Exercise description:
Of the lines in the data below, write out exactly those from the one holding "#52=IFCSHAPEREPRESENTATION(#27,'Body','Tessellation',(#51));" through the one holding "100 X 200',$,$,$,$,$,$,.JALOUSIE.);", both included.

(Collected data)
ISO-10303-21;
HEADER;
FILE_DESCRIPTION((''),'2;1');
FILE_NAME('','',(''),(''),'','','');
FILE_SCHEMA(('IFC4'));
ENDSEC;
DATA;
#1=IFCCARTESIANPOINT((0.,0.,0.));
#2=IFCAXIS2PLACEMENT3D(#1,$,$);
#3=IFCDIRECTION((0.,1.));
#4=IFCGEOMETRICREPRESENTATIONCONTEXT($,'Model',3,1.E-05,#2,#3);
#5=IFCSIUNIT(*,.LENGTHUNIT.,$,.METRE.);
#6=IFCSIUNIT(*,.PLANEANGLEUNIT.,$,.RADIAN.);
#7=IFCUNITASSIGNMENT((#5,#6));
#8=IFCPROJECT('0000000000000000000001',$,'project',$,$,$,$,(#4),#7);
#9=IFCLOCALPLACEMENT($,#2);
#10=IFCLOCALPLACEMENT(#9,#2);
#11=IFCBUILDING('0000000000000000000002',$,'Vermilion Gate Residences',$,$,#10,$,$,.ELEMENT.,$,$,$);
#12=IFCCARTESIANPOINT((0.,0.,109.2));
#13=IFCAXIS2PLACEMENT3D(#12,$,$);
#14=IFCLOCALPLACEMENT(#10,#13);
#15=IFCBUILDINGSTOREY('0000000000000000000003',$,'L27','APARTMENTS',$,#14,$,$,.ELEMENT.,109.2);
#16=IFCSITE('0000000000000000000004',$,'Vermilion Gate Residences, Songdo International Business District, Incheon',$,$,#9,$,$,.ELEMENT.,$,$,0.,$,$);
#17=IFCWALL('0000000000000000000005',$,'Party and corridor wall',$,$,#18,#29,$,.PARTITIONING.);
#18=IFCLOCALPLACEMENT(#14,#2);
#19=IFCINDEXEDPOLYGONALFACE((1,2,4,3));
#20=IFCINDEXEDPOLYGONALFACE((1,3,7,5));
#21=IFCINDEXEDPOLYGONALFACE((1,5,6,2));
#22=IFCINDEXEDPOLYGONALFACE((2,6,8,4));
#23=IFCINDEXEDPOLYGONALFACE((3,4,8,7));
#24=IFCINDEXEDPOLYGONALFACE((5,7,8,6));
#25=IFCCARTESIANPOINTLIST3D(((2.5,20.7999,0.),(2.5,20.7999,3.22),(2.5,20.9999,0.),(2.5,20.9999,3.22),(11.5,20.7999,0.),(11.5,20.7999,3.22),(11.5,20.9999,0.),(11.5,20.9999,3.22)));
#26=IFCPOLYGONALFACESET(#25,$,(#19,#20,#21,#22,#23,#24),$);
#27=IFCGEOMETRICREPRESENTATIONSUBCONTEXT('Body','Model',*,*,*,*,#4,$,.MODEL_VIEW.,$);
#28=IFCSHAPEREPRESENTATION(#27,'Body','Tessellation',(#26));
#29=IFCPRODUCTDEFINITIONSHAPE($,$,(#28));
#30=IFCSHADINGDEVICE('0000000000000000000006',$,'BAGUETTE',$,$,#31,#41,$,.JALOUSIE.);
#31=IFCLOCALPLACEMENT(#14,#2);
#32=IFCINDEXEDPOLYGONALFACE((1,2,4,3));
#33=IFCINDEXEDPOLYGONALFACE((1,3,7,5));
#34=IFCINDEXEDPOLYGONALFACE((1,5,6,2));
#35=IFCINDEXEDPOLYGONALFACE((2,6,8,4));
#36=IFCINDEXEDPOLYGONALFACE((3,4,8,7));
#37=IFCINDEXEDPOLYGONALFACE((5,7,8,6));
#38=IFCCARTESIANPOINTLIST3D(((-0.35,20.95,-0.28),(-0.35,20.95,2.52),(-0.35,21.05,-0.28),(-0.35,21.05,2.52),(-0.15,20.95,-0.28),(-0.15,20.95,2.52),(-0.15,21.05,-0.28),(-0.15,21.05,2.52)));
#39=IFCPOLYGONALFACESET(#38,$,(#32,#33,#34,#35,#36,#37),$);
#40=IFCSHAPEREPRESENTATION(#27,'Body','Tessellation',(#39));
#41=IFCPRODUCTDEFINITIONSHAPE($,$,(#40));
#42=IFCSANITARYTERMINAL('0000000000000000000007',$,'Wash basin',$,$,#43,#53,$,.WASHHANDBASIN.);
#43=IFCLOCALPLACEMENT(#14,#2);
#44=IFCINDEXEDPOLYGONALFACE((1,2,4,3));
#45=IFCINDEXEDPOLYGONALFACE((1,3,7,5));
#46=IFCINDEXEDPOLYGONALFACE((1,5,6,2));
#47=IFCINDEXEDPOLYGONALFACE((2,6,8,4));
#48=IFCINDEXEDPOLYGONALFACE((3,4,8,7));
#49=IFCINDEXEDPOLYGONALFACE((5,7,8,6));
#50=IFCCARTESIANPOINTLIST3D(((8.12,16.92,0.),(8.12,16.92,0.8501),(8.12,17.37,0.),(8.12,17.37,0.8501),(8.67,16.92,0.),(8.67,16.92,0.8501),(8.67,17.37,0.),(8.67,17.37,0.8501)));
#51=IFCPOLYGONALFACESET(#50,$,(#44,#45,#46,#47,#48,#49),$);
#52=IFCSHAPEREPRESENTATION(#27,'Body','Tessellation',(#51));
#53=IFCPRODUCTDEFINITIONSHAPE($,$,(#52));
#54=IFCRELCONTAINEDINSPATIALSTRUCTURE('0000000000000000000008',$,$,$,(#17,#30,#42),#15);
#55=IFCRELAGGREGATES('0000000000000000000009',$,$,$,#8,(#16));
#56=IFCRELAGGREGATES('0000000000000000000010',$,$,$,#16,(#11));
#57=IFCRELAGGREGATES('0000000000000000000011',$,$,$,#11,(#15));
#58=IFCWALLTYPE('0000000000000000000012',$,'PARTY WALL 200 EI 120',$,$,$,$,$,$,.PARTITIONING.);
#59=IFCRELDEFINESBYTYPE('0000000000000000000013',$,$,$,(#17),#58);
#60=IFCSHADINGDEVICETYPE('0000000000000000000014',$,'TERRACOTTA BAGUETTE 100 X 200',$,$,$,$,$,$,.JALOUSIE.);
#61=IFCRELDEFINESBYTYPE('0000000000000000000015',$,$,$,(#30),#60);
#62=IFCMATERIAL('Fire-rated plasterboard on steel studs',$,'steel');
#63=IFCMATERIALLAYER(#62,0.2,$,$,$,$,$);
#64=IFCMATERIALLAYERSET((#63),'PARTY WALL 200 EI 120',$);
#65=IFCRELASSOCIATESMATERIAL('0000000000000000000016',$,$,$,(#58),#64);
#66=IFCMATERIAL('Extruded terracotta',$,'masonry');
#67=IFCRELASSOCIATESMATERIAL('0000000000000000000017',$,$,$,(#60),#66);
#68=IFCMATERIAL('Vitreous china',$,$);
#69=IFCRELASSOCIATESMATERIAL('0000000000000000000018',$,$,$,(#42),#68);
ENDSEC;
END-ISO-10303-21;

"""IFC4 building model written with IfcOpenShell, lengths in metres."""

from ifc_helpers import new_model, si_unit, direction, frame, frame_2d, origin, origin_2d, place, context, subcontext, project, spatial, rectangle, extrude, material, layer, layer_set, material_profile, profile_set, type_object, element, save


model = new_model("IFC4")

# Units and contexts
model_context = context("Model", 3, precision=1e-05, world=origin(), true_north=direction((0.0, 1.0)))
body_context = subcontext(model_context, "Body", "Model", "MODEL_VIEW")
ifc_project = project(units=[si_unit("LENGTHUNIT", "METRE"), si_unit("PLANEANGLEUNIT", "RADIAN")], contexts=[model_context])

# Site, building, storey
site_placement = place(None, origin())
site = spatial("IfcSite", under=ifc_project, at=site_placement, Name="Vermilion Gate Residences, Songdo International Business District, Incheon", CompositionType="ELEMENT", RefElevation=0.0)
building_placement = place(site_placement, origin())
building = spatial("IfcBuilding", under=site, at=building_placement, Name="Vermilion Gate Residences", CompositionType="ELEMENT")
storey_placement = place(building_placement, frame((0.0, 0.0, 109.2)))
storey = spatial("IfcBuildingStorey", under=building, at=storey_placement, Name="L27", Description="APARTMENTS", CompositionType="ELEMENT", Elevation=109.2)

# Wall
ifc_material_1 = material(Name="Fire-rated plasterboard on steel studs", Category="steel")
ifc_layer_1 = layer(ifc_material_1, 0.2)
ifc_layer_set_1 = layer_set([ifc_layer_1], Name="PARTY WALL 200 EI 120")
wall_type_1 = type_object("IfcWallType", Name="PARTY WALL 200 EI 120", PredefinedType="PARTITIONING", material=ifc_layer_set_1)
wall_1_placement = place(storey_placement, frame((2.5, 20.8999, 0.0), z_axis=(0.0, 0.0, 1.0), x_axis=(1.0, 0.0, 0.0)))
element("IfcWall", 1, at=wall_1_placement, inside=storey, type_object=wall_type_1, Name="Party and corridor wall", PredefinedType="PARTITIONING", context=body_context, shape_type="SweptSolid", body=[
    extrude(rectangle(XDim=9.0, YDim=0.2, at=frame_2d((4.5, 0.0))), origin(), (0.0, 0.0, 1.0), 3.22),
])

# Shading device
ifc_material_2 = material(Name="Extruded terracotta", Category="masonry")
ifc_material_profile_1 = material_profile(ifc_material_2, rectangle(XDim=0.2, YDim=0.1001, at=origin_2d()), Name="BAGUETTE 100 X 200")
ifc_profile_set_1 = profile_set([ifc_material_profile_1], Name="Extruded terracotta")
shading_device_type = type_object("IfcShadingDeviceType", Name="TERRACOTTA BAGUETTE 100 X 200", PredefinedType="JALOUSIE", material=ifc_profile_set_1)
shading_device_placement = place(storey_placement, frame((-0.25, 21.0, -0.28), z_axis=(0.0, 0.0, 1.0), x_axis=(1.0, 0.0, 0.0)))
element("IfcShadingDevice", 2, at=shading_device_placement, inside=storey, type_object=shading_device_type, Name="BAGUETTE", PredefinedType="JALOUSIE", context=body_context, shape_type="SweptSolid", body=[
    extrude(rectangle(XDim=0.2, YDim=0.1001, at=origin_2d()), origin(), (0.0, 0.0, 1.0), 2.8),
])

# Sanitary terminal
ifc_material_3 = material(Name="Vitreous china")
sanitary_terminal_placement = place(storey_placement, frame((8.395, 17.145, 0.0), z_axis=(0.0, 0.0, 1.0), x_axis=(1.0, 0.0, 0.0)))
element("IfcSanitaryTerminal", 3, at=sanitary_terminal_placement, inside=storey, material=ifc_material_3, Name="Wash basin", PredefinedType="WASHHANDBASIN", context=body_context, shape_type="SweptSolid", body=[
    extrude(rectangle(XDim=0.55, YDim=0.45, at=origin_2d()), origin(), (0.0, 0.0, 1.0), 0.8501),
])

save(model, "model.ifc")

Solution to this task:
#52=IFCSHAPEREPRESENTATION(#27,'Body','Tessellation',(#51));
#53=IFCPRODUCTDEFINITIONSHAPE($,$,(#52));
#54=IFCRELCONTAINEDINSPATIALSTRUCTURE('0000000000000000000008',$,$,$,(#17,#30,#42),#15);
#55=IFCRELAGGREGATES('0000000000000000000009',$,$,$,#8,(#16));
#56=IFCRELAGGREGATES('0000000000000000000010',$,$,$,#16,(#11));
#57=IFCRELAGGREGATES('0000000000000000000011',$,$,$,#11,(#15));
#58=IFCWALLTYPE('0000000000000000000012',$,'PARTY WALL 200 EI 120',$,$,$,$,$,$,.PARTITIONING.);
#59=IFCRELDEFINESBYTYPE('0000000000000000000013',$,$,$,(#17),#58);
#60=IFCSHADINGDEVICETYPE('0000000000000000000014',$,'TERRACOTTA BAGUETTE 100 X 200',$,$,$,$,$,$,.JALOUSIE.);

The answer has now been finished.